(Stored entries)
|---|
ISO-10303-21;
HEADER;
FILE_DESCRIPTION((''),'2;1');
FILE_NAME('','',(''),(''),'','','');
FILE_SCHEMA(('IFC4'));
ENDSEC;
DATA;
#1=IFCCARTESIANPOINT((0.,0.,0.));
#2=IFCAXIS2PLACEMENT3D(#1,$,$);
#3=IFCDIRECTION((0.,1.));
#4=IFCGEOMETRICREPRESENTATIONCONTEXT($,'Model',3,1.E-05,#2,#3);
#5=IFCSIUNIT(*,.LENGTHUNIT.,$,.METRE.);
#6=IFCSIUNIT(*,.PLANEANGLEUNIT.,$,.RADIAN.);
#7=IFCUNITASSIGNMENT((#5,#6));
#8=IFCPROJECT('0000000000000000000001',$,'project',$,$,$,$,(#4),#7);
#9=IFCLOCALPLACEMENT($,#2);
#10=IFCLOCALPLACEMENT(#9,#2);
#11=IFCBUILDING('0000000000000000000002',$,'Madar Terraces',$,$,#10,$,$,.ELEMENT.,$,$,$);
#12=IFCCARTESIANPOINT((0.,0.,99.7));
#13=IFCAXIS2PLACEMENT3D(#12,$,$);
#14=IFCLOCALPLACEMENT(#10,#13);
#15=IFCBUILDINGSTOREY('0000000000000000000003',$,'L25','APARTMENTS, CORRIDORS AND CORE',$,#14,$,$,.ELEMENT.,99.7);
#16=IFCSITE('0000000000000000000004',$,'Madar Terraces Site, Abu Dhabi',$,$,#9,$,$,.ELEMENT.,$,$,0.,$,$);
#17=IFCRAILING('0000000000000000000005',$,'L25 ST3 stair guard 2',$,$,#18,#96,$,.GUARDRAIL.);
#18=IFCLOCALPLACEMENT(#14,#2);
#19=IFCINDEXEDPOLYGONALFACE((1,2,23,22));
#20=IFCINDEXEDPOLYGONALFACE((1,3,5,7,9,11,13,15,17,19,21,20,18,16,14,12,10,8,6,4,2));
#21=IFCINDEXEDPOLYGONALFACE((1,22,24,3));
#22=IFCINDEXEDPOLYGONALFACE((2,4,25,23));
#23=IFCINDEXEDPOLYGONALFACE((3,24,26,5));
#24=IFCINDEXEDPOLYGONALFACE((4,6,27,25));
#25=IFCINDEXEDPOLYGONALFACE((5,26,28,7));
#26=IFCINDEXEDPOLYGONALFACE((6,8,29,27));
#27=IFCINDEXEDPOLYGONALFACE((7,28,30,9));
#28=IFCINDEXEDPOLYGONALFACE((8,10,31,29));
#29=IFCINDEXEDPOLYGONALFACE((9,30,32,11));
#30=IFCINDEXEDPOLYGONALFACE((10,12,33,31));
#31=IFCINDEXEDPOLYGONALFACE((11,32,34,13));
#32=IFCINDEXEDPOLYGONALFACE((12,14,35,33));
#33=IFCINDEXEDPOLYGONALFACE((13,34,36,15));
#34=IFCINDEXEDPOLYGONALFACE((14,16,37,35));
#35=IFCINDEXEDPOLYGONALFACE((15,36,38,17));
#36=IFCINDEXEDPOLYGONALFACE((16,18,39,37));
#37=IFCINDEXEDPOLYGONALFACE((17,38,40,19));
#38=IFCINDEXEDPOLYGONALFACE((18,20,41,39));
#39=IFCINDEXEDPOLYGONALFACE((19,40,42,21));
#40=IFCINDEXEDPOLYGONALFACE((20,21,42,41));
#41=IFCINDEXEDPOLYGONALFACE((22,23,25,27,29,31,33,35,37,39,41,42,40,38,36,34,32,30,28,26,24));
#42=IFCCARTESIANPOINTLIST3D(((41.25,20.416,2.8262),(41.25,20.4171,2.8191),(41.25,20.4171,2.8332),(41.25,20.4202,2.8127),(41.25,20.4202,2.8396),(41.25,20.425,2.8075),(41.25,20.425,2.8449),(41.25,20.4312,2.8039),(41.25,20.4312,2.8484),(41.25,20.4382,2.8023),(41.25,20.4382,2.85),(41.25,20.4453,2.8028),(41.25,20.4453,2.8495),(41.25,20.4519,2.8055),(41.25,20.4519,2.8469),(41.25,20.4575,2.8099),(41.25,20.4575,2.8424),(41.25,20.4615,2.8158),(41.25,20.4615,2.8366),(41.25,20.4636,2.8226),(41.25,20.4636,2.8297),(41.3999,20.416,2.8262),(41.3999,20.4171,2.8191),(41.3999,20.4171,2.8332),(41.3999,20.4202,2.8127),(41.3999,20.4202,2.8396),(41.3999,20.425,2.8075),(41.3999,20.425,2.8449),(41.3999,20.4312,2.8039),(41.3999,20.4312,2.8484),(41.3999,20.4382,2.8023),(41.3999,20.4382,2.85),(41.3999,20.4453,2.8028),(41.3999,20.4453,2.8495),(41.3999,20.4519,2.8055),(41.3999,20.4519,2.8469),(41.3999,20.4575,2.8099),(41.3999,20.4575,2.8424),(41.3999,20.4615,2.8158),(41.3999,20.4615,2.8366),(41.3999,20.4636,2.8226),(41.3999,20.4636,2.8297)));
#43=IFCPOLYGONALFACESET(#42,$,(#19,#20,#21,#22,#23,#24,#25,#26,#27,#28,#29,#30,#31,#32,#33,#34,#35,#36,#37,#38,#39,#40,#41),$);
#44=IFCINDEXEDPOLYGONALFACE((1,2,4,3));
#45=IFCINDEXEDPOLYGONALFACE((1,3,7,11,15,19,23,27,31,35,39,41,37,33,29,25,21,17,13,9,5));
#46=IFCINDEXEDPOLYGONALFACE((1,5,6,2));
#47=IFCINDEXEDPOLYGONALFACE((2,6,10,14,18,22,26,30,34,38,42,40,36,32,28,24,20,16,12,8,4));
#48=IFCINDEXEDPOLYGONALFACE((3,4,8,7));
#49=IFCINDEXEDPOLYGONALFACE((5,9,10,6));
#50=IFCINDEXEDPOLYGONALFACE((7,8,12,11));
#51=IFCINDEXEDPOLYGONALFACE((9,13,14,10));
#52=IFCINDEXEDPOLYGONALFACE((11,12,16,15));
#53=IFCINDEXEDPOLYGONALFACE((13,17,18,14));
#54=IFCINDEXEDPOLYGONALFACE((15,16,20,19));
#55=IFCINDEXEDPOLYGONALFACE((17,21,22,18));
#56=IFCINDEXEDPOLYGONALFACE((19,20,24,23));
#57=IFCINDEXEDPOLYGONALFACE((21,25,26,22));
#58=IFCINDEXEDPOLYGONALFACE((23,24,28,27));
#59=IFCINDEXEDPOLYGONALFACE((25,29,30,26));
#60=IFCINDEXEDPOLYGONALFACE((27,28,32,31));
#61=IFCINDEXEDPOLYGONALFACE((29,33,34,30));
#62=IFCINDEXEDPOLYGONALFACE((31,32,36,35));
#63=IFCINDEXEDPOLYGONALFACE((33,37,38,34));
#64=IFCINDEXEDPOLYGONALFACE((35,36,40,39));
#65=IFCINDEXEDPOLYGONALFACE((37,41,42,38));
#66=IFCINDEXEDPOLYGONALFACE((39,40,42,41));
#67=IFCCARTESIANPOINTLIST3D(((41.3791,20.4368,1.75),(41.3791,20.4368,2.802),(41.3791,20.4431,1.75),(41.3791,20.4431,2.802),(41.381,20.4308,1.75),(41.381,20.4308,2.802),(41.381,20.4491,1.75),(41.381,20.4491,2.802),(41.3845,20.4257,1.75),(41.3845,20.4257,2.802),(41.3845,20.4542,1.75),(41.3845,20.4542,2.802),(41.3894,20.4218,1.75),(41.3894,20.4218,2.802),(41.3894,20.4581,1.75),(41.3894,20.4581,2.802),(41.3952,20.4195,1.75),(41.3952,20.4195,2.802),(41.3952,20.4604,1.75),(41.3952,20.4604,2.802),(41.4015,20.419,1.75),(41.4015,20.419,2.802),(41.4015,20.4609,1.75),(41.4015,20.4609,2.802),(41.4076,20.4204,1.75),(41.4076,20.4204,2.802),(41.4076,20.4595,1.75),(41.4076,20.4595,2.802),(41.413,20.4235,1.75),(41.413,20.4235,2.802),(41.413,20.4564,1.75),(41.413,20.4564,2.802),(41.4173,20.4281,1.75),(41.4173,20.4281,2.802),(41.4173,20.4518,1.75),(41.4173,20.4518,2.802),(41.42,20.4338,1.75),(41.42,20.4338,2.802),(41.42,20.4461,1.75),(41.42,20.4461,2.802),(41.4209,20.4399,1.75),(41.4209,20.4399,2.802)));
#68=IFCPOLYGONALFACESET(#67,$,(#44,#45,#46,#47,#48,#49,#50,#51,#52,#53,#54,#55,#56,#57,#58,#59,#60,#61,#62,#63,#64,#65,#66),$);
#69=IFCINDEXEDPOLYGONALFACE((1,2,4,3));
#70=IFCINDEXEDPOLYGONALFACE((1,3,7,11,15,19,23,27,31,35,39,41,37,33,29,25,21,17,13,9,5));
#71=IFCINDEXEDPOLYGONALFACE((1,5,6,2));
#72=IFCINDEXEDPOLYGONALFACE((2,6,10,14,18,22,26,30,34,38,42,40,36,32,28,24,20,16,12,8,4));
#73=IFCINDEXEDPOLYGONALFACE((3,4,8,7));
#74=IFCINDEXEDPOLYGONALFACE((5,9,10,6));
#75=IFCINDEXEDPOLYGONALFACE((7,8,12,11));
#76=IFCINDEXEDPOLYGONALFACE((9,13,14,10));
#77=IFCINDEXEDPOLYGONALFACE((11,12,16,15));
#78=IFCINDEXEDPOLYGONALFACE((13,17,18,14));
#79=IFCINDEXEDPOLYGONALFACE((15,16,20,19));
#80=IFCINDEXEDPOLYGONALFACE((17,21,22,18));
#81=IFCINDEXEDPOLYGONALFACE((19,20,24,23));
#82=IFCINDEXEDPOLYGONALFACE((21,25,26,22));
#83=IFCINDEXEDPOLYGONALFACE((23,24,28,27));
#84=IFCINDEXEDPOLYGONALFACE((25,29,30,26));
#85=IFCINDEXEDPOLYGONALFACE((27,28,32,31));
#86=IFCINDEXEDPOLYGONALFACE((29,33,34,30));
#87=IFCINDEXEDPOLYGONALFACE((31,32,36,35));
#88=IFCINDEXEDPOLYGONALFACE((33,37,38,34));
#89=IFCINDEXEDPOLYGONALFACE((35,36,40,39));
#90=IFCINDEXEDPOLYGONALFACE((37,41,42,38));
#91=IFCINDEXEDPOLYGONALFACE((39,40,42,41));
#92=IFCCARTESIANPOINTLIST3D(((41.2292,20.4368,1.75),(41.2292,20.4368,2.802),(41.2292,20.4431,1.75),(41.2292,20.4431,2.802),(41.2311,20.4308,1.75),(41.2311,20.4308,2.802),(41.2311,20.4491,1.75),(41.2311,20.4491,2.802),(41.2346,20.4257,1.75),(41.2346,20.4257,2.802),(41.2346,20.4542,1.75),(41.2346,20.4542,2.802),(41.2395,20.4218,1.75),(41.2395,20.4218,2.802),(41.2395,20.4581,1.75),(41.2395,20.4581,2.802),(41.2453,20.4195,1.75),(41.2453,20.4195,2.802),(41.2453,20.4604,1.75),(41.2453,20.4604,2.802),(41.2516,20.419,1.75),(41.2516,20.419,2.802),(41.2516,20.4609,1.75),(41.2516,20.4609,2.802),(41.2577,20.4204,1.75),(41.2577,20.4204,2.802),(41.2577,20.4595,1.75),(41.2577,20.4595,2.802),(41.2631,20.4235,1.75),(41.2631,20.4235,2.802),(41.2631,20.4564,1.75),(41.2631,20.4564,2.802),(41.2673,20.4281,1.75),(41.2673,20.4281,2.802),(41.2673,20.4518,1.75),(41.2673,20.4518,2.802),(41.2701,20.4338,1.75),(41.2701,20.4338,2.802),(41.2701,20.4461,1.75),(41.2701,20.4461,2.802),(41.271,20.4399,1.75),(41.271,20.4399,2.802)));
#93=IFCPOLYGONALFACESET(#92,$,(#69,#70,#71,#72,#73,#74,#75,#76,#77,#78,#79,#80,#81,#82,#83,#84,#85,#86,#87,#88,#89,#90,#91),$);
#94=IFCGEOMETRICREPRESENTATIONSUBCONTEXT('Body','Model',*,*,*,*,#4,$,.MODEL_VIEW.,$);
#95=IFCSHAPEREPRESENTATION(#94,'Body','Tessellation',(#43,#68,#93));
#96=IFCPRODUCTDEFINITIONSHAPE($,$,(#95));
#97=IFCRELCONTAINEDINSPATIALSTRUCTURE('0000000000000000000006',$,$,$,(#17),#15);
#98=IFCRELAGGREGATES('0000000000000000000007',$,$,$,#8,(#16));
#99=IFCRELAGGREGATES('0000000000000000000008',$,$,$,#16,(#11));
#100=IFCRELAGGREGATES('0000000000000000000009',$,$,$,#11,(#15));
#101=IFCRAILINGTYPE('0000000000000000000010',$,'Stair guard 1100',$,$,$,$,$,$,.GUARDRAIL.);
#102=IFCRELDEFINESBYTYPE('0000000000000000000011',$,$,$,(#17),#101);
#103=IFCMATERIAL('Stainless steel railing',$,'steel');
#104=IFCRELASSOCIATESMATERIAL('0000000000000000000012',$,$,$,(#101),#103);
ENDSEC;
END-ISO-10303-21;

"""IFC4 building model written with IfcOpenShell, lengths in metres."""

from ifc_helpers import new_model, si_unit, direction, frame, origin, origin_2d, place, context, subcontext, project, spatial, circle, extrude, material, type_object, element, save


model = new_model("IFC4")

# Units and contexts
model_context = context("Model", 3, precision=1e-05, world=origin(), true_north=direction((0.0, 1.0)))
body_context = subcontext(model_context, "Body", "Model", "MODEL_VIEW")
ifc_project = project(units=[si_unit("LENGTHUNIT", "METRE"), si_unit("PLANEANGLEUNIT", "RADIAN")], contexts=[model_context])

# Site, building, storey
site_placement = place(None, origin())
site = spatial("IfcSite", under=ifc_project, at=site_placement, Name="Madar Terraces Site, Abu Dhabi", CompositionType="ELEMENT", RefElevation=0.0)
building_placement = place(site_placement, origin())
building = spatial("IfcBuilding", under=site, at=building_placement, Name="Madar Terraces", CompositionType="ELEMENT")
storey_placement = place(building_placement, frame((0.0, 0.0, 99.7)))
storey = spatial("IfcBuildingStorey", under=building, at=storey_placement, Name="L25", Description="APARTMENTS, CORRIDORS AND CORE", CompositionType="ELEMENT", Elevation=99.7)

# Railing
ifc_material_1 = material(Name="Stainless steel railing", Category="steel")
railing_type_1 = type_object("IfcRailingType", Name="Stair guard 1100", PredefinedType="GUARDRAIL", material=ifc_material_1)
railing_1_placement = place(storey_placement, frame((41.3999, 20.4399, 1.75)))
element("IfcRailing", 1, at=railing_1_placement, inside=storey, type_object=railing_type_1, Name="L25 ST3 stair guard 2", PredefinedType="GUARDRAIL", context=body_context, shape_type="SweptSolid", body=[
    extrude(circle(Radius=0.0239, at=origin_2d()), frame((0.0, 0.0, 1.0762), z_axis=(-1.0, 0.0, 0.0), x_axis=(0.0, -1.0, 0.0)), (0.0, 0.0, 1.0), 0.1499),
    extrude(circle(Radius=0.021, at=origin_2d()), origin(), (0.0, 0.0, 1.0), 1.052),
    extrude(circle(Radius=0.021, at=origin_2d()), frame((-0.1499, 0.0, 0.0)), (0.0, 0.0, 1.0), 1.052),
])

save(model, "model.ifc")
|---|
● **Work request**:
What is needed is an exact copy of the entries from their first line down to the line with "#14=IFCLOCALPLACEMENT(#10,#13);", that line included, and nothing beyond it.

● **Final answer**:
ISO-10303-21;
HEADER;
FILE_DESCRIPTION((''),'2;1');
FILE_NAME('','',(''),(''),'','','');
FILE_SCHEMA(('IFC4'));
ENDSEC;
DATA;
#1=IFCCARTESIANPOINT((0.,0.,0.));
#2=IFCAXIS2PLACEMENT3D(#1,$,$);
#3=IFCDIRECTION((0.,1.));
#4=IFCGEOMETRICREPRESENTATIONCONTEXT($,'Model',3,1.E-05,#2,#3);
#5=IFCSIUNIT(*,.LENGTHUNIT.,$,.METRE.);
#6=IFCSIUNIT(*,.PLANEANGLEUNIT.,$,.RADIAN.);
#7=IFCUNITASSIGNMENT((#5,#6));
#8=IFCPROJECT('0000000000000000000001',$,'project',$,$,$,$,(#4),#7);
#9=IFCLOCALPLACEMENT($,#2);
#10=IFCLOCALPLACEMENT(#9,#2);
#11=IFCBUILDING('0000000000000000000002',$,'Madar Terraces',$,$,#10,$,$,.ELEMENT.,$,$,$);
#12=IFCCARTESIANPOINT((0.,0.,99.7));
#13=IFCAXIS2PLACEMENT3D(#12,$,$);
#14=IFCLOCALPLACEMENT(#10,#13);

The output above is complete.